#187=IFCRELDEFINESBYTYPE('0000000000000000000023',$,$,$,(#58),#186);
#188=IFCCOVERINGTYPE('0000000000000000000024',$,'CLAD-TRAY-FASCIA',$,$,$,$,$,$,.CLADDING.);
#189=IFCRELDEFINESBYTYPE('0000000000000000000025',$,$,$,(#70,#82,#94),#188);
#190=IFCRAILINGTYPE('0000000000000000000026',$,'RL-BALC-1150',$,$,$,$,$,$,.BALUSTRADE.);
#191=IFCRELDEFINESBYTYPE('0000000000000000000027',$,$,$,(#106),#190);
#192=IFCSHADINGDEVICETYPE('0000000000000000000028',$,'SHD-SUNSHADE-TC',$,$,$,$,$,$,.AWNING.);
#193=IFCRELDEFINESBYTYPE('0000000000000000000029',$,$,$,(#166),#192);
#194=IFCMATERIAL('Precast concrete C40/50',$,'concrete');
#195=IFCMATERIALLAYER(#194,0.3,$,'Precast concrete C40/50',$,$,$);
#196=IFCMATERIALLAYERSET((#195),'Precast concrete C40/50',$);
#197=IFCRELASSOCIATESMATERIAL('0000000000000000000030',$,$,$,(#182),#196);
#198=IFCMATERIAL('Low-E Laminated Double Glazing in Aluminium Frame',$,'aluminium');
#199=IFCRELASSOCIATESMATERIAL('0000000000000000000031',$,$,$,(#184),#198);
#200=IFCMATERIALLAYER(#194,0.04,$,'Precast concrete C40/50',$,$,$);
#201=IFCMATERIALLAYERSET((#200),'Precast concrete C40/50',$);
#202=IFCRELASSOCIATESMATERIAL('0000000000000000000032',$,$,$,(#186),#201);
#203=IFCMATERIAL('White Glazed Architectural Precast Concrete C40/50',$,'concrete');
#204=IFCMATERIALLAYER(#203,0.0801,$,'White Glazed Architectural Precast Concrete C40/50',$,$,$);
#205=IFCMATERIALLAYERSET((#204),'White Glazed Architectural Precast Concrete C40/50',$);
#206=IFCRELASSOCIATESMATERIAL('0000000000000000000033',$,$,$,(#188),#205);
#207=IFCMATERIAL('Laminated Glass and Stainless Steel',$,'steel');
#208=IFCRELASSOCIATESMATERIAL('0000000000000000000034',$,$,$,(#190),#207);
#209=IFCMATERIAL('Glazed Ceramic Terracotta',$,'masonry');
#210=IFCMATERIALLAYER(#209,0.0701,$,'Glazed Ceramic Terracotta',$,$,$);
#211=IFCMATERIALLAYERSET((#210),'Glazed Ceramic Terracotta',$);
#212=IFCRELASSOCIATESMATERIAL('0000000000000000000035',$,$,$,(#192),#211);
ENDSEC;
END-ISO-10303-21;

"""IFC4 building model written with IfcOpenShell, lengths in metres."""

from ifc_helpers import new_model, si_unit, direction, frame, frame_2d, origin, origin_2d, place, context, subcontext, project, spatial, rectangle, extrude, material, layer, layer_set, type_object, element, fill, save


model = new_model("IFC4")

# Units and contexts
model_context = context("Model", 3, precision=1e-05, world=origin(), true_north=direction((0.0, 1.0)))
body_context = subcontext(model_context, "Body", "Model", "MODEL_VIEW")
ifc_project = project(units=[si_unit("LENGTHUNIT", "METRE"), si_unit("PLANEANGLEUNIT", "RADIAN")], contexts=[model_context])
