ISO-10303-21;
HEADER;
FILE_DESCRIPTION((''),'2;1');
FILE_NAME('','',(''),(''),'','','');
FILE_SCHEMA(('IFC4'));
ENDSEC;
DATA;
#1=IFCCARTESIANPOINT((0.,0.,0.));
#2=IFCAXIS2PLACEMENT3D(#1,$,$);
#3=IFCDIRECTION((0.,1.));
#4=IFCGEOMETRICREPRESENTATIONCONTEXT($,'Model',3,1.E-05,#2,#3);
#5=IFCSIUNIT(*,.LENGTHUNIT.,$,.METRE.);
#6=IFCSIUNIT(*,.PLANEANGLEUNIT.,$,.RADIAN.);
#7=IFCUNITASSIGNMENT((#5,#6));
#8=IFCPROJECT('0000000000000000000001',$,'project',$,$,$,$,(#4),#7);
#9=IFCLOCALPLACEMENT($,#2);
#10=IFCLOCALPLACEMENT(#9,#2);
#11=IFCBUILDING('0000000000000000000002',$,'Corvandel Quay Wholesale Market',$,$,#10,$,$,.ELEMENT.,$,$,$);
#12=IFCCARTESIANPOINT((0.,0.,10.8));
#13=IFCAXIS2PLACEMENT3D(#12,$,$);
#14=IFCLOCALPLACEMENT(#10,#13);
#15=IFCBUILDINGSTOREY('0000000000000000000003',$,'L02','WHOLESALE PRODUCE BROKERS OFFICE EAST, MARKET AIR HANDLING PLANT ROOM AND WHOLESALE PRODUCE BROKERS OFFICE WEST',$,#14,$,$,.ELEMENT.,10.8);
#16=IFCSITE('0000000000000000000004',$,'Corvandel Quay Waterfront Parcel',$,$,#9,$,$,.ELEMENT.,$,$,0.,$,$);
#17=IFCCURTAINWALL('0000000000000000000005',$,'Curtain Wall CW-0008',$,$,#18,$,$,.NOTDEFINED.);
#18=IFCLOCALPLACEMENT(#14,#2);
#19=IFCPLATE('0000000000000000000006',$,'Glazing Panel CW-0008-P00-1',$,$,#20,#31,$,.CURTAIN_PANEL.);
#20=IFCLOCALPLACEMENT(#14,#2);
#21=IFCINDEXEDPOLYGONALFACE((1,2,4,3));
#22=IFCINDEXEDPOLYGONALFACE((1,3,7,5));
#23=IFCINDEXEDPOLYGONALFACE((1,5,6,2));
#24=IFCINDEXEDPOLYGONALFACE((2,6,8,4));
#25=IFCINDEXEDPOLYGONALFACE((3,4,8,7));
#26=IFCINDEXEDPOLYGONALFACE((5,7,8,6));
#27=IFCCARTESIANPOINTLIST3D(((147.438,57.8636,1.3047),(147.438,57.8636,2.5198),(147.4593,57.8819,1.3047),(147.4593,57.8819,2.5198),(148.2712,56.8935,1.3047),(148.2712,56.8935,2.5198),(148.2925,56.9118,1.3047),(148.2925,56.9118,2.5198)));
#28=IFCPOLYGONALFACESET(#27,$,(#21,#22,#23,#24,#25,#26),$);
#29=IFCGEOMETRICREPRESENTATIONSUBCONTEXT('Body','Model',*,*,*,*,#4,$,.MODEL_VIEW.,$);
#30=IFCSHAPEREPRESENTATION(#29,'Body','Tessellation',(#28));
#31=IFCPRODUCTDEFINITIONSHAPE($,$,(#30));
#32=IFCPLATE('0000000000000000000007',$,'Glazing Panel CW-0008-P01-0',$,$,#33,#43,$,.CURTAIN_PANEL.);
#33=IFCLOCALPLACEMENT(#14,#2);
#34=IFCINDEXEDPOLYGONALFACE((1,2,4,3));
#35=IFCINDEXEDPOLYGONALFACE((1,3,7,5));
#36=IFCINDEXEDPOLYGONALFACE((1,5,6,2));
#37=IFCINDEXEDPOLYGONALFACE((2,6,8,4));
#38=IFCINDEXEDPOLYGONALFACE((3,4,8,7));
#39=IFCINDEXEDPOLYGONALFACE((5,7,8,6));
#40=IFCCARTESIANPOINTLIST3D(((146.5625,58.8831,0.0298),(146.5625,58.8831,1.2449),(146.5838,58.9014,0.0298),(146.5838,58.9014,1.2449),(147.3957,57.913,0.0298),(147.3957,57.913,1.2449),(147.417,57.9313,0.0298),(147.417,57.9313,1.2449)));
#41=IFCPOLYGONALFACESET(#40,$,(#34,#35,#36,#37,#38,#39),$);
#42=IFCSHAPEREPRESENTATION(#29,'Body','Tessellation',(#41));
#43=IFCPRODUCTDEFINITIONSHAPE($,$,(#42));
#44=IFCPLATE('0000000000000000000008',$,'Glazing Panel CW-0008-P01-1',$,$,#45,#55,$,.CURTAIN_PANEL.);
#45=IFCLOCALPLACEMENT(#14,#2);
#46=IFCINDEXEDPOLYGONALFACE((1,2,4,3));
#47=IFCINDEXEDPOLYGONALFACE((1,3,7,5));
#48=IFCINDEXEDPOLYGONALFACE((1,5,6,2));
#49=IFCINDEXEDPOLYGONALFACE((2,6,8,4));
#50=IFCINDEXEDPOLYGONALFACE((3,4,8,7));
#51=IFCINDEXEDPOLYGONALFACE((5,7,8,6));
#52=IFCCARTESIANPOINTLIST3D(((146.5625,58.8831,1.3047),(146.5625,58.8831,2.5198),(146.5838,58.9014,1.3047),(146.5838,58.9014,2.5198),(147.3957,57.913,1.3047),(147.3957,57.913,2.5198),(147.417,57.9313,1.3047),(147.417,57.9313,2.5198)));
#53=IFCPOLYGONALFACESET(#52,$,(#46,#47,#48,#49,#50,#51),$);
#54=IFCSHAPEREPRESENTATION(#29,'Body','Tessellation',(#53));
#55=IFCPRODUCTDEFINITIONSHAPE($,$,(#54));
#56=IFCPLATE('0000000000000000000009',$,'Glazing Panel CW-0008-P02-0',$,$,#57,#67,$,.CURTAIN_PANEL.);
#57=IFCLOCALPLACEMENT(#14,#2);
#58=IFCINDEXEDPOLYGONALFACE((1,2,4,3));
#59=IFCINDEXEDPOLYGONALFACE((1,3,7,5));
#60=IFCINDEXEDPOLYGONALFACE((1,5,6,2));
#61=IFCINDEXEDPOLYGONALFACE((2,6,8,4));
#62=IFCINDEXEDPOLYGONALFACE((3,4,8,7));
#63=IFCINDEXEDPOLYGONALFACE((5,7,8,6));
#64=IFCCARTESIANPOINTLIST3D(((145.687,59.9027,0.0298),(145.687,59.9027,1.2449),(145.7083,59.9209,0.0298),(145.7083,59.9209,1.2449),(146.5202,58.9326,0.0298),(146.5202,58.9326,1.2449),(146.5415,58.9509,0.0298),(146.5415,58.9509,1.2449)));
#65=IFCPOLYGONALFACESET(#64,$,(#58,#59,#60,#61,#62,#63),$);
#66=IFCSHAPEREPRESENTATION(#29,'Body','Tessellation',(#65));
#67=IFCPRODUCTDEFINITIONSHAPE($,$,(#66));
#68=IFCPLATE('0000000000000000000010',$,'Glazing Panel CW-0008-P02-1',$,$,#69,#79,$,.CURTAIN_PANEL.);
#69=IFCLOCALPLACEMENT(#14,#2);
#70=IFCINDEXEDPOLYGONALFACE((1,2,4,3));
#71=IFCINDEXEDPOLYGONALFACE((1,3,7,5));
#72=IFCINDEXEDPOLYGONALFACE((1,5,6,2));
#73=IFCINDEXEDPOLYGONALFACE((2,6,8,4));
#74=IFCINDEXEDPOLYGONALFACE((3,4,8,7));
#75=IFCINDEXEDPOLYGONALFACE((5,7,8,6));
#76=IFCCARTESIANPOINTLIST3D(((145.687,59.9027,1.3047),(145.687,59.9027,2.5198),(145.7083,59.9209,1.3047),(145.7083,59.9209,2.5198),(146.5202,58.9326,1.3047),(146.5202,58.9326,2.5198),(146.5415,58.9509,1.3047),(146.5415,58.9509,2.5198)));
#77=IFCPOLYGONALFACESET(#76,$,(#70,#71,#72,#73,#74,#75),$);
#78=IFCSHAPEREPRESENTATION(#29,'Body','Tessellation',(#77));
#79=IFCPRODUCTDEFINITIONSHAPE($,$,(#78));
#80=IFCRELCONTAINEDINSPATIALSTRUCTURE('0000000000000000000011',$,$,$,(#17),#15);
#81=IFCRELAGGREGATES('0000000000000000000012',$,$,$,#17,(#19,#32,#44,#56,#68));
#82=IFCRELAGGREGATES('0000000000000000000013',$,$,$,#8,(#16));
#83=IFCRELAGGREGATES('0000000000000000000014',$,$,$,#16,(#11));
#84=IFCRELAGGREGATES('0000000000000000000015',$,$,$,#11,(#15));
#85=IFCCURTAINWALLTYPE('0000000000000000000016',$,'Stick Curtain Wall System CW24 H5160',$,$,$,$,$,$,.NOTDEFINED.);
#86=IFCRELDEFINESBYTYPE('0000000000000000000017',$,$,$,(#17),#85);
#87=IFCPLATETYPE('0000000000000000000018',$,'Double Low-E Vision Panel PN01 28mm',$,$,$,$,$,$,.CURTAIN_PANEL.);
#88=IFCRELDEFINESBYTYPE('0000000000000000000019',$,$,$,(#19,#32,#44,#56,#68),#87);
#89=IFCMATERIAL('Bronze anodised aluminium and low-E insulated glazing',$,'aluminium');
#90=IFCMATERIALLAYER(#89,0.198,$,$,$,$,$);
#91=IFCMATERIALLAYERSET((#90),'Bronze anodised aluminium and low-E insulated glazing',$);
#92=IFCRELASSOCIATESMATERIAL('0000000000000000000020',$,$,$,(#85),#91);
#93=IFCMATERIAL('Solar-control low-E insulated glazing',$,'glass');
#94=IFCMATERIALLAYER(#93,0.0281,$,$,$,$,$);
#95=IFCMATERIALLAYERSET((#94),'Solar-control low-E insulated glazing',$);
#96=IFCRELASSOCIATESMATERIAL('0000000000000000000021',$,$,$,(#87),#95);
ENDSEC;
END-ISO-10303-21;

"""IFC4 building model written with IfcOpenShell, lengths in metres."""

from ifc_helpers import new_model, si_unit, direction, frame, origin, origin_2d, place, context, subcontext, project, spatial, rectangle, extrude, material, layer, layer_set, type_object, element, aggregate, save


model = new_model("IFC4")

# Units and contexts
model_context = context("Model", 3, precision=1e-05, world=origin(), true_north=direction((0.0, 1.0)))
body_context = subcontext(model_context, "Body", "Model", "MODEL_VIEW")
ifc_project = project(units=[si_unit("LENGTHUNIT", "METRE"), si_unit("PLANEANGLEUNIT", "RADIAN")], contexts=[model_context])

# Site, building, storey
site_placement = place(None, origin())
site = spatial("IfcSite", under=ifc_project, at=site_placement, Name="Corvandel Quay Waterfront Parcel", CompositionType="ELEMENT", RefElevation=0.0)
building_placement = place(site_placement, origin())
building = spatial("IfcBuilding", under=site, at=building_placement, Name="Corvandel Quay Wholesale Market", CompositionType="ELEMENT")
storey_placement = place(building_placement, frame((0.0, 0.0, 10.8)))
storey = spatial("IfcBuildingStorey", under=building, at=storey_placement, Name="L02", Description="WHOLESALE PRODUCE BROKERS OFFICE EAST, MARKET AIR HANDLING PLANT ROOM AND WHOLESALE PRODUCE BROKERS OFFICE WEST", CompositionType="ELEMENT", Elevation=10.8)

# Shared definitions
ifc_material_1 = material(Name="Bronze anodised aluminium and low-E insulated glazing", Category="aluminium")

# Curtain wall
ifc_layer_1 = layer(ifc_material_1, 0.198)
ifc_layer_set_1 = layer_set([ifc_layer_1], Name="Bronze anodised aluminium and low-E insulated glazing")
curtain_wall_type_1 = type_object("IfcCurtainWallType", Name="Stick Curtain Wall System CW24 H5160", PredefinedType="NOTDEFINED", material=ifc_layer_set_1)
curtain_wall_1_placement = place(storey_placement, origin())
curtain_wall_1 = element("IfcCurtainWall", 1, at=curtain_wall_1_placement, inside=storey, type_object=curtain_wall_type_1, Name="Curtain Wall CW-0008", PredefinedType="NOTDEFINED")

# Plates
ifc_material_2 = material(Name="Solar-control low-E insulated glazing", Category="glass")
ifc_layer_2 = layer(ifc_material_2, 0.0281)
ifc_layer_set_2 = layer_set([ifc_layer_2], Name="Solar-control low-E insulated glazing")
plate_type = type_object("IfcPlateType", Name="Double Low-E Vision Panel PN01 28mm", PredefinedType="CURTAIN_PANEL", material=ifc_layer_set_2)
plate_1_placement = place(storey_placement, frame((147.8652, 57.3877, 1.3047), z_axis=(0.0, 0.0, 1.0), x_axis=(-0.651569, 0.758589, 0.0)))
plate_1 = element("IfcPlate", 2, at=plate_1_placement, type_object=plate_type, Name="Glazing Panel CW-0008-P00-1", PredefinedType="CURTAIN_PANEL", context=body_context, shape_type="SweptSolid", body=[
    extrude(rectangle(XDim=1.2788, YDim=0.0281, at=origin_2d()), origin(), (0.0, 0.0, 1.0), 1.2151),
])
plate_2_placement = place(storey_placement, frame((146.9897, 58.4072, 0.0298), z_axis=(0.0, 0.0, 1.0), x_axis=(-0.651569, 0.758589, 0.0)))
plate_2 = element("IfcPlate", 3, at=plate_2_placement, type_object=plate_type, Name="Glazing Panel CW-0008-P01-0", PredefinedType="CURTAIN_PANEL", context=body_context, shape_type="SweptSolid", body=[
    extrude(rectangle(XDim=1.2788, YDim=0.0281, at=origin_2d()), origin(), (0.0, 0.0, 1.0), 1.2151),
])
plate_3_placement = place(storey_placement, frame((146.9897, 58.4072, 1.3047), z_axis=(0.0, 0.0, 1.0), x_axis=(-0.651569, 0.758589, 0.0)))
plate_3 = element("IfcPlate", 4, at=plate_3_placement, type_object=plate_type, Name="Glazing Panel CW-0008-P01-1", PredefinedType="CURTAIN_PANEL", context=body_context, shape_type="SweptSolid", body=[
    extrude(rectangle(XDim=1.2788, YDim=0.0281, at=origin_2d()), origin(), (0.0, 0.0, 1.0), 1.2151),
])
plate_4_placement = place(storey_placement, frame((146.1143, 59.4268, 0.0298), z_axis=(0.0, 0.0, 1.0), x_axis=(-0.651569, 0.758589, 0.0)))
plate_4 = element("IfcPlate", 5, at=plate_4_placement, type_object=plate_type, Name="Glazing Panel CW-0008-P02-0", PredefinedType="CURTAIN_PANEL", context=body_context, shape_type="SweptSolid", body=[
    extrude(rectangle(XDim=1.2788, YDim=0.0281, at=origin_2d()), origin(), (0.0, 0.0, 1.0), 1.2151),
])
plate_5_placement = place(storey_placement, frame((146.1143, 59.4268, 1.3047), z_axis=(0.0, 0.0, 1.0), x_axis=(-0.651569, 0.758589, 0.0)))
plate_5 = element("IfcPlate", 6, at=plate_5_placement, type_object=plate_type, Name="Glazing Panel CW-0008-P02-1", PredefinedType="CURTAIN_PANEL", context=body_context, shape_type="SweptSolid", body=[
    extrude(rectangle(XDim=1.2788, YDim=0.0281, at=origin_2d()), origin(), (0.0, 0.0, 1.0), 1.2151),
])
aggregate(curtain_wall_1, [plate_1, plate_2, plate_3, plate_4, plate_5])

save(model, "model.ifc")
================
*Required work*
Counting only lines that contain "Architectural", say how many there are in the material above, and add nothing.

*Output for this exercise*
3